(Beginning of Information given)
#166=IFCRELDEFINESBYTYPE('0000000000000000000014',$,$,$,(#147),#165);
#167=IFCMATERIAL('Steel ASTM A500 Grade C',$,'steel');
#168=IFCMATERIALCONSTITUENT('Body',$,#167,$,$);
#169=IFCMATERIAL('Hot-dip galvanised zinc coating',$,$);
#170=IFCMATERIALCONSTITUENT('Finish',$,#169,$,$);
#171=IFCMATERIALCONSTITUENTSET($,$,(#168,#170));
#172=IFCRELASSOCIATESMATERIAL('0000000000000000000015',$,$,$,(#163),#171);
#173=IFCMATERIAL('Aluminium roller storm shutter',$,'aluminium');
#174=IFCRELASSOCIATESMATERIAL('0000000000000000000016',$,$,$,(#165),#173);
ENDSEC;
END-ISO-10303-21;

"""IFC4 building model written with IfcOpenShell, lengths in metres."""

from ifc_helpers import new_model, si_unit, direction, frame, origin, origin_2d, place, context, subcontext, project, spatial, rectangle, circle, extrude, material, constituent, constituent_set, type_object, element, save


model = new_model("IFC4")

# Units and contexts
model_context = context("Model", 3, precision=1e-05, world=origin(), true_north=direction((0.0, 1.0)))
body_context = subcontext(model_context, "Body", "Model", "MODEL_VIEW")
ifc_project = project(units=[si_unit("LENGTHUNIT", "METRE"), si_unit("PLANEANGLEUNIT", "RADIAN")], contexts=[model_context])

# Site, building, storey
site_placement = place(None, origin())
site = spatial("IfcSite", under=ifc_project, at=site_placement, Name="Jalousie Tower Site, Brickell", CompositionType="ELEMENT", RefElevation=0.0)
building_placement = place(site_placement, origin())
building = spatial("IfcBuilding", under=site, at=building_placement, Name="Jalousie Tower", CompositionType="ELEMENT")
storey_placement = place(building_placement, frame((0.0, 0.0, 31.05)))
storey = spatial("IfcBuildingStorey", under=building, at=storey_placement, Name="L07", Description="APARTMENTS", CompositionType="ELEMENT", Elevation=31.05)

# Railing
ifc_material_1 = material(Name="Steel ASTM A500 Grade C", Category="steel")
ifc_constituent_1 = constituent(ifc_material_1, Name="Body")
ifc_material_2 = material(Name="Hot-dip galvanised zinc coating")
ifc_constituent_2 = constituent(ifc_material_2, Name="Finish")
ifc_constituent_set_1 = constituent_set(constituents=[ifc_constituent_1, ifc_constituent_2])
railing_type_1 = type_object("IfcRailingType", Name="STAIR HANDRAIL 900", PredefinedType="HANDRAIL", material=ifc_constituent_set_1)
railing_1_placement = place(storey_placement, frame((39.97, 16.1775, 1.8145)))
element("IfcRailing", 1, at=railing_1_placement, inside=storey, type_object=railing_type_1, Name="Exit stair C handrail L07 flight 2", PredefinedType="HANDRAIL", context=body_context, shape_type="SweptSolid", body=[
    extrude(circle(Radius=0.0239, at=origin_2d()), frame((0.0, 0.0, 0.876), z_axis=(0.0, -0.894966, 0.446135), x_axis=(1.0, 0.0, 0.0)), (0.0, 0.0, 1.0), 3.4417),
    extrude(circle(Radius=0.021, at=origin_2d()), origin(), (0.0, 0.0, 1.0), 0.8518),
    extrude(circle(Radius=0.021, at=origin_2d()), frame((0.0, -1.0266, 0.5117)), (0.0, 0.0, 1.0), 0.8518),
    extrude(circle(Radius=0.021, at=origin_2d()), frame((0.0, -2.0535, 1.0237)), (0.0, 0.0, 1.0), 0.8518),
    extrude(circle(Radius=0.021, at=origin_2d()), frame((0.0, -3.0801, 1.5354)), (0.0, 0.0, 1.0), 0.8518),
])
(End of Information given)
(Beginning of Information given)
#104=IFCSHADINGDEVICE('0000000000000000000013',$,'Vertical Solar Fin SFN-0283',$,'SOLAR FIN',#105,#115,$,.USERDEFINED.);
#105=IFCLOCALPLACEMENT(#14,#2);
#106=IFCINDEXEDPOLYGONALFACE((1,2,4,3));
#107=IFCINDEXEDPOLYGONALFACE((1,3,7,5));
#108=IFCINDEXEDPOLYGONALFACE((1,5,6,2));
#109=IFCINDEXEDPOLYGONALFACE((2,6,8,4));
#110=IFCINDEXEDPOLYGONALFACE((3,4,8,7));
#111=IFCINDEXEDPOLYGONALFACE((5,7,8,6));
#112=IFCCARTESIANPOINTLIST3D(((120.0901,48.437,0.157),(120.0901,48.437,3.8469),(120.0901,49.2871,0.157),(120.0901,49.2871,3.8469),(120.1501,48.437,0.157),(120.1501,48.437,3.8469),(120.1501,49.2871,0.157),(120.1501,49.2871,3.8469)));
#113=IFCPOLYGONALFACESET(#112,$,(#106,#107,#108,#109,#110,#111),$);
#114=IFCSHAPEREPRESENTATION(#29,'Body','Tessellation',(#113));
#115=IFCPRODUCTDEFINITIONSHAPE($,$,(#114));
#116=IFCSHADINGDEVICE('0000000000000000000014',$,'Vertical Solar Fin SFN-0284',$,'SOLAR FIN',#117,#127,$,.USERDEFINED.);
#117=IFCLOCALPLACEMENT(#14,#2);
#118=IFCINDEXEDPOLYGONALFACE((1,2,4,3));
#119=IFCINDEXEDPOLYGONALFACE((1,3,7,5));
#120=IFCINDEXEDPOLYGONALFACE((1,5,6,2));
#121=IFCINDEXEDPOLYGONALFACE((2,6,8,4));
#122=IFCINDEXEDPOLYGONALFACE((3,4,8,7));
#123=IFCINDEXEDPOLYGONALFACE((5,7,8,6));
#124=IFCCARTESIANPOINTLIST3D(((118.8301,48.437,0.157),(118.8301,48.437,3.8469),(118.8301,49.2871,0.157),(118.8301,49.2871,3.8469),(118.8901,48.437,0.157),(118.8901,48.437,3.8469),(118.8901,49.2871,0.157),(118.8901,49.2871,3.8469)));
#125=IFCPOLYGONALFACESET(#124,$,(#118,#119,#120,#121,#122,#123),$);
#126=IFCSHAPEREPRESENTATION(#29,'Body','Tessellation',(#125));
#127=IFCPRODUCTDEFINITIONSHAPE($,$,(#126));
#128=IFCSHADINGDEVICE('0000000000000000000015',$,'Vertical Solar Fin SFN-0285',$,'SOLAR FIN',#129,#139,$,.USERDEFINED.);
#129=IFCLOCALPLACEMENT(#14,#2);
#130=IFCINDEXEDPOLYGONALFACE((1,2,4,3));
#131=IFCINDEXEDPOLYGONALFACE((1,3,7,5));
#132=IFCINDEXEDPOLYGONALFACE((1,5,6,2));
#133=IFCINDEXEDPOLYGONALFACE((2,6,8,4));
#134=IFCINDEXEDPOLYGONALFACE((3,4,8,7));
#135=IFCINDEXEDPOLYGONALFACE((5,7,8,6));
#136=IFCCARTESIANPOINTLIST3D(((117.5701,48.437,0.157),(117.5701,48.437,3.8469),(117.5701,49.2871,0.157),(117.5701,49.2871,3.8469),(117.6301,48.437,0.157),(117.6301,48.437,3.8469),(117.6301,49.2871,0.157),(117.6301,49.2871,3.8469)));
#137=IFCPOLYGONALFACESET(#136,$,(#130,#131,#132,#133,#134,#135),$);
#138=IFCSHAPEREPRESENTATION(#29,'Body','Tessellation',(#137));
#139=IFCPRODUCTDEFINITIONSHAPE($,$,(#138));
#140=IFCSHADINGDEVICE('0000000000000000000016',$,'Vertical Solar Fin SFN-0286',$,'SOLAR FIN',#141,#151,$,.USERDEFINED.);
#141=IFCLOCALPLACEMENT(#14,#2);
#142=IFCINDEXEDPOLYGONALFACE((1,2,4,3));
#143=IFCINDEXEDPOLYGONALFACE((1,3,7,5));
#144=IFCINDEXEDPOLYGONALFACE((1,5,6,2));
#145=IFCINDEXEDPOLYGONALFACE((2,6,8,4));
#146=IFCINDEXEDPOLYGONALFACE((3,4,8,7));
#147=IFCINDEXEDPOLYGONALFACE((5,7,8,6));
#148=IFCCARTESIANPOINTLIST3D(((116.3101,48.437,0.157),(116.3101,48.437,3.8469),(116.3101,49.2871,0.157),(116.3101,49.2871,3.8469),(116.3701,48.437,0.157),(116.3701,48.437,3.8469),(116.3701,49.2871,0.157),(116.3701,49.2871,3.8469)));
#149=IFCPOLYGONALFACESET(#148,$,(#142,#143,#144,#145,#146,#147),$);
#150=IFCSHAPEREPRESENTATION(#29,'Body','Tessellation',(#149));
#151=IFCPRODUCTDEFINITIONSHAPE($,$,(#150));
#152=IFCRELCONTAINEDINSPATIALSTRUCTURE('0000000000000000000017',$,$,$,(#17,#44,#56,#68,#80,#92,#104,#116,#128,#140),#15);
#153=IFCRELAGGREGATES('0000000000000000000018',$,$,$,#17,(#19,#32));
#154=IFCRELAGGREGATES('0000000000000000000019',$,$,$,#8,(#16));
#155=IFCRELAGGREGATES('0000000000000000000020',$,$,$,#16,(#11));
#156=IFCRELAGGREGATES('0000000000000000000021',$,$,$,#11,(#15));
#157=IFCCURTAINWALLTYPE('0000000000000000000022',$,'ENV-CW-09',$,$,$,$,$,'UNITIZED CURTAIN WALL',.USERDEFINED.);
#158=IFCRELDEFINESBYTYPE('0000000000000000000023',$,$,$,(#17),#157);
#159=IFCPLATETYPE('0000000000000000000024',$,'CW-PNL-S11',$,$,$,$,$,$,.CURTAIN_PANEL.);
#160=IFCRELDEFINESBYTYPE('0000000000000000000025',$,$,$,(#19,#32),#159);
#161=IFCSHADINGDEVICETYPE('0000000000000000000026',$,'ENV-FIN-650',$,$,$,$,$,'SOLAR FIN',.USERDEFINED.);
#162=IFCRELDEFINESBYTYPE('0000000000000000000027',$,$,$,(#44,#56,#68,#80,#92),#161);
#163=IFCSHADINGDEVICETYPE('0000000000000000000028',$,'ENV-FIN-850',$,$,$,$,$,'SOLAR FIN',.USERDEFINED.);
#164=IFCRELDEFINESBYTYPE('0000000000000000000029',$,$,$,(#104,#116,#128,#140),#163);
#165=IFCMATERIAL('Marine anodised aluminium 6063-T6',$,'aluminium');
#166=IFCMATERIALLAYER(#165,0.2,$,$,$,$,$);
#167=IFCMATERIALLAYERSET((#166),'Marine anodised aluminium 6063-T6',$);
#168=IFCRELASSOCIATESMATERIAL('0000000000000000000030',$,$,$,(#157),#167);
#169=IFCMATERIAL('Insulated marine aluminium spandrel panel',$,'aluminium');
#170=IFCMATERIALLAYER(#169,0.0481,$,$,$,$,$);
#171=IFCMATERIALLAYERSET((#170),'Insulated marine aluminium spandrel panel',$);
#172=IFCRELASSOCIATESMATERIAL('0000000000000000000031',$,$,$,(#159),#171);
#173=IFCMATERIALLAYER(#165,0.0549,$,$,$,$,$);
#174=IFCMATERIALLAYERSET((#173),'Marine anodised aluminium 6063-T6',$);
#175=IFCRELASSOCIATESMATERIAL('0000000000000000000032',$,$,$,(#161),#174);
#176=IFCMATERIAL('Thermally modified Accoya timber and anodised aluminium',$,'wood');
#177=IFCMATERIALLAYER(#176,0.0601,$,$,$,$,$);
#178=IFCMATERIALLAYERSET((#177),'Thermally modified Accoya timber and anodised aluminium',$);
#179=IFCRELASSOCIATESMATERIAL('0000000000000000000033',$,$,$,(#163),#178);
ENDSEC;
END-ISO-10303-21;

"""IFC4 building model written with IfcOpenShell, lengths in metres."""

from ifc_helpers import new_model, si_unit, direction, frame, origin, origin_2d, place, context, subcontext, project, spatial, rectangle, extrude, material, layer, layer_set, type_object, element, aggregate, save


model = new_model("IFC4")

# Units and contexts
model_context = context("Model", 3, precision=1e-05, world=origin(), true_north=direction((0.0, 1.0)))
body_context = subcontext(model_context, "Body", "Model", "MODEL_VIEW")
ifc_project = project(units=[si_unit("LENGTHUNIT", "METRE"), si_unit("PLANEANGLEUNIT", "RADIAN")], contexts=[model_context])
(End of Information given)
## Exercise brief
From the listing, copy every line where the string "Steel" appears.

## Reply to the task
#167=IFCMATERIAL('Steel ASTM A500 Grade C',$,'steel');
ifc_material_1 = material(Name="Steel ASTM A500 Grade C", Category="steel")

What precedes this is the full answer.